Could you set down exactly the lines in the records below between the line holding "#225=IFCMATERIALLAYER(#224,0.1499,$,'Concrete C50/60',$,$,$);" and the line holding "site_placement = place(None, origin())", inclusive?

**** RECORDED INFORMATION ****

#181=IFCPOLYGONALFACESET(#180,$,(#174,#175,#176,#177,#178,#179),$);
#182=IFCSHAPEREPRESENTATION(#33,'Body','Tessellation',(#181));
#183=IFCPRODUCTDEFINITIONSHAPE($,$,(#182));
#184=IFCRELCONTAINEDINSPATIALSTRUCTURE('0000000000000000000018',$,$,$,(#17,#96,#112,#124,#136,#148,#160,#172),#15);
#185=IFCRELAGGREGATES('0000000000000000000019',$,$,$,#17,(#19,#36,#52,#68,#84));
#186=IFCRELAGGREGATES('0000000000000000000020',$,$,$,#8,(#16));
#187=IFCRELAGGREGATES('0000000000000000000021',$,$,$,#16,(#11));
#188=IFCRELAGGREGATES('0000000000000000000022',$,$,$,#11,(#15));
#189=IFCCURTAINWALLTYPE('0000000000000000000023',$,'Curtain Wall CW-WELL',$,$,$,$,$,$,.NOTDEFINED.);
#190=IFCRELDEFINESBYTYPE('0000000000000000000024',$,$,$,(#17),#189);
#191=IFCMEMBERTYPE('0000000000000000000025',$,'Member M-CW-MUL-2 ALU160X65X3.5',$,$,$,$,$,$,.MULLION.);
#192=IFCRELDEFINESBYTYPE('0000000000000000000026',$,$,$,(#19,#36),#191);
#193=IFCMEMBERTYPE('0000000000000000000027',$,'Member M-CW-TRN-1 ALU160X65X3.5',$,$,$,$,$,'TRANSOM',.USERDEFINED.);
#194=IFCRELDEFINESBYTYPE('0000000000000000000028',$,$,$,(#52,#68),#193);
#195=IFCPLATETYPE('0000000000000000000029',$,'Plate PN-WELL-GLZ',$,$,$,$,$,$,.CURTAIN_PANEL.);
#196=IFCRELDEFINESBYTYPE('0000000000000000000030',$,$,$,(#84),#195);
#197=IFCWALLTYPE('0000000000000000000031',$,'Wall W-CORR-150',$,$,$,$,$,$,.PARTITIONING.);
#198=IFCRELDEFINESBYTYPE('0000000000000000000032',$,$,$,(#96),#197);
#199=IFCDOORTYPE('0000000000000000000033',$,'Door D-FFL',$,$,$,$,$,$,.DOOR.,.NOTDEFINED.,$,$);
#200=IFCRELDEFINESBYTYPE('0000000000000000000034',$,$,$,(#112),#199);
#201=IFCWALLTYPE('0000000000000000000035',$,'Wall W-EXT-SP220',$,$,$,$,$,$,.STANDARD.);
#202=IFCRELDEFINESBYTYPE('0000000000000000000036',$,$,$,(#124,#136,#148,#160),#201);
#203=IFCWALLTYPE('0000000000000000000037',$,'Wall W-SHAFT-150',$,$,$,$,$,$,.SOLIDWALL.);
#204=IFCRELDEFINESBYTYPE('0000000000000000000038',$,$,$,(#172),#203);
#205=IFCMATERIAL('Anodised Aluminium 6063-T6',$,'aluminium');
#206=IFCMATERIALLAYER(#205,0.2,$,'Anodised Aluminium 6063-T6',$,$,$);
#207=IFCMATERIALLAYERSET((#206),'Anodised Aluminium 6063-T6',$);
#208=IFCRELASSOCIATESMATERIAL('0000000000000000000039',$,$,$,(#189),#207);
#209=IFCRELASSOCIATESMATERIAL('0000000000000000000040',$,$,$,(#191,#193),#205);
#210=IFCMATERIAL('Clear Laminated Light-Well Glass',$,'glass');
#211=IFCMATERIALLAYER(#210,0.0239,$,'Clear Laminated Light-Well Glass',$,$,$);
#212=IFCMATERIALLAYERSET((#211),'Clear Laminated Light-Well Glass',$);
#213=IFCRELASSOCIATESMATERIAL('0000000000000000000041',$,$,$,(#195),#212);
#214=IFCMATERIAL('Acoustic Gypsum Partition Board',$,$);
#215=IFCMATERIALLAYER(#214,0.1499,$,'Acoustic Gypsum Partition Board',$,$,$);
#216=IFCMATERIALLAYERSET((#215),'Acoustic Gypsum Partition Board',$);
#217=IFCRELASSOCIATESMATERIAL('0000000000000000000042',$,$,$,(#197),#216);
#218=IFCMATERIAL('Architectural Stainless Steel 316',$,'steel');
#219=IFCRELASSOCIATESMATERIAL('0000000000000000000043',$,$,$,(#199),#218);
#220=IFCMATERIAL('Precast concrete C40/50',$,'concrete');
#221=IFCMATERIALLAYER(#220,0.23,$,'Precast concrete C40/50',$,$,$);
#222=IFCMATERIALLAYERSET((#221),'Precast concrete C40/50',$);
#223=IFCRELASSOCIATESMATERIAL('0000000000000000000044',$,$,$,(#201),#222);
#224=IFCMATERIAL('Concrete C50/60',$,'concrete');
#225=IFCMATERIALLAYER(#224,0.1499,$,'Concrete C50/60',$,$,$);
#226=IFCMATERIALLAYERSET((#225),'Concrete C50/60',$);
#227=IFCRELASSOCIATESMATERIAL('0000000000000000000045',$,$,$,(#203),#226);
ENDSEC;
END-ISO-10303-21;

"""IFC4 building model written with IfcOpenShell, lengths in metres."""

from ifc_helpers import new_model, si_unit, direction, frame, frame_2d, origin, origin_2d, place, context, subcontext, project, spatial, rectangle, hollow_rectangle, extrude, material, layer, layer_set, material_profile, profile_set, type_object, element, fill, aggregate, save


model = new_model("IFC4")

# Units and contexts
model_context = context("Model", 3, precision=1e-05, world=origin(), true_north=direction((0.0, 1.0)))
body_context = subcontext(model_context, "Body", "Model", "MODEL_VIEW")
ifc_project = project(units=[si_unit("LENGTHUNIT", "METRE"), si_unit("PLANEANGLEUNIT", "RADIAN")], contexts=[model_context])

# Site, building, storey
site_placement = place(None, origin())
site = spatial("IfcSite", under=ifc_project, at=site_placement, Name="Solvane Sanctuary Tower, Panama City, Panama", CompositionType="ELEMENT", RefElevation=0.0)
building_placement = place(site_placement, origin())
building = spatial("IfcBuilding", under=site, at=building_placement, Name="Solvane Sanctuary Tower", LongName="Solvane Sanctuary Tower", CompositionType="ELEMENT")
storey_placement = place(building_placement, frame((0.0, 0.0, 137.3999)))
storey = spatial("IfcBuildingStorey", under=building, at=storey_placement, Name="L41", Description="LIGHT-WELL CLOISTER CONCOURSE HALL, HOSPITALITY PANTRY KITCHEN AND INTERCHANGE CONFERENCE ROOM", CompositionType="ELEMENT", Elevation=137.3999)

****

— TASK RESULT —
#225=IFCMATERIALLAYER(#224,0.1499,$,'Concrete C50/60',$,$,$);
#226=IFCMATERIALLAYERSET((#225),'Concrete C50/60',$);
#227=IFCRELASSOCIATESMATERIAL('0000000000000000000045',$,$,$,(#203),#226);
ENDSEC;
END-ISO-10303-21;

"""IFC4 building model written with IfcOpenShell, lengths in metres."""

from ifc_helpers import new_model, si_unit, direction, frame, frame_2d, origin, origin_2d, place, context, subcontext, project, spatial, rectangle, hollow_rectangle, extrude, material, layer, layer_set, material_profile, profile_set, type_object, element, fill, aggregate, save


model = new_model("IFC4")

# Units and contexts
model_context = context("Model", 3, precision=1e-05, world=origin(), true_north=direction((0.0, 1.0)))
body_context = subcontext(model_context, "Body", "Model", "MODEL_VIEW")
ifc_project = project(units=[si_unit("LENGTHUNIT", "METRE"), si_unit("PLANEANGLEUNIT", "RADIAN")], contexts=[model_context])

# Site, building, storey
site_placement = place(None, origin())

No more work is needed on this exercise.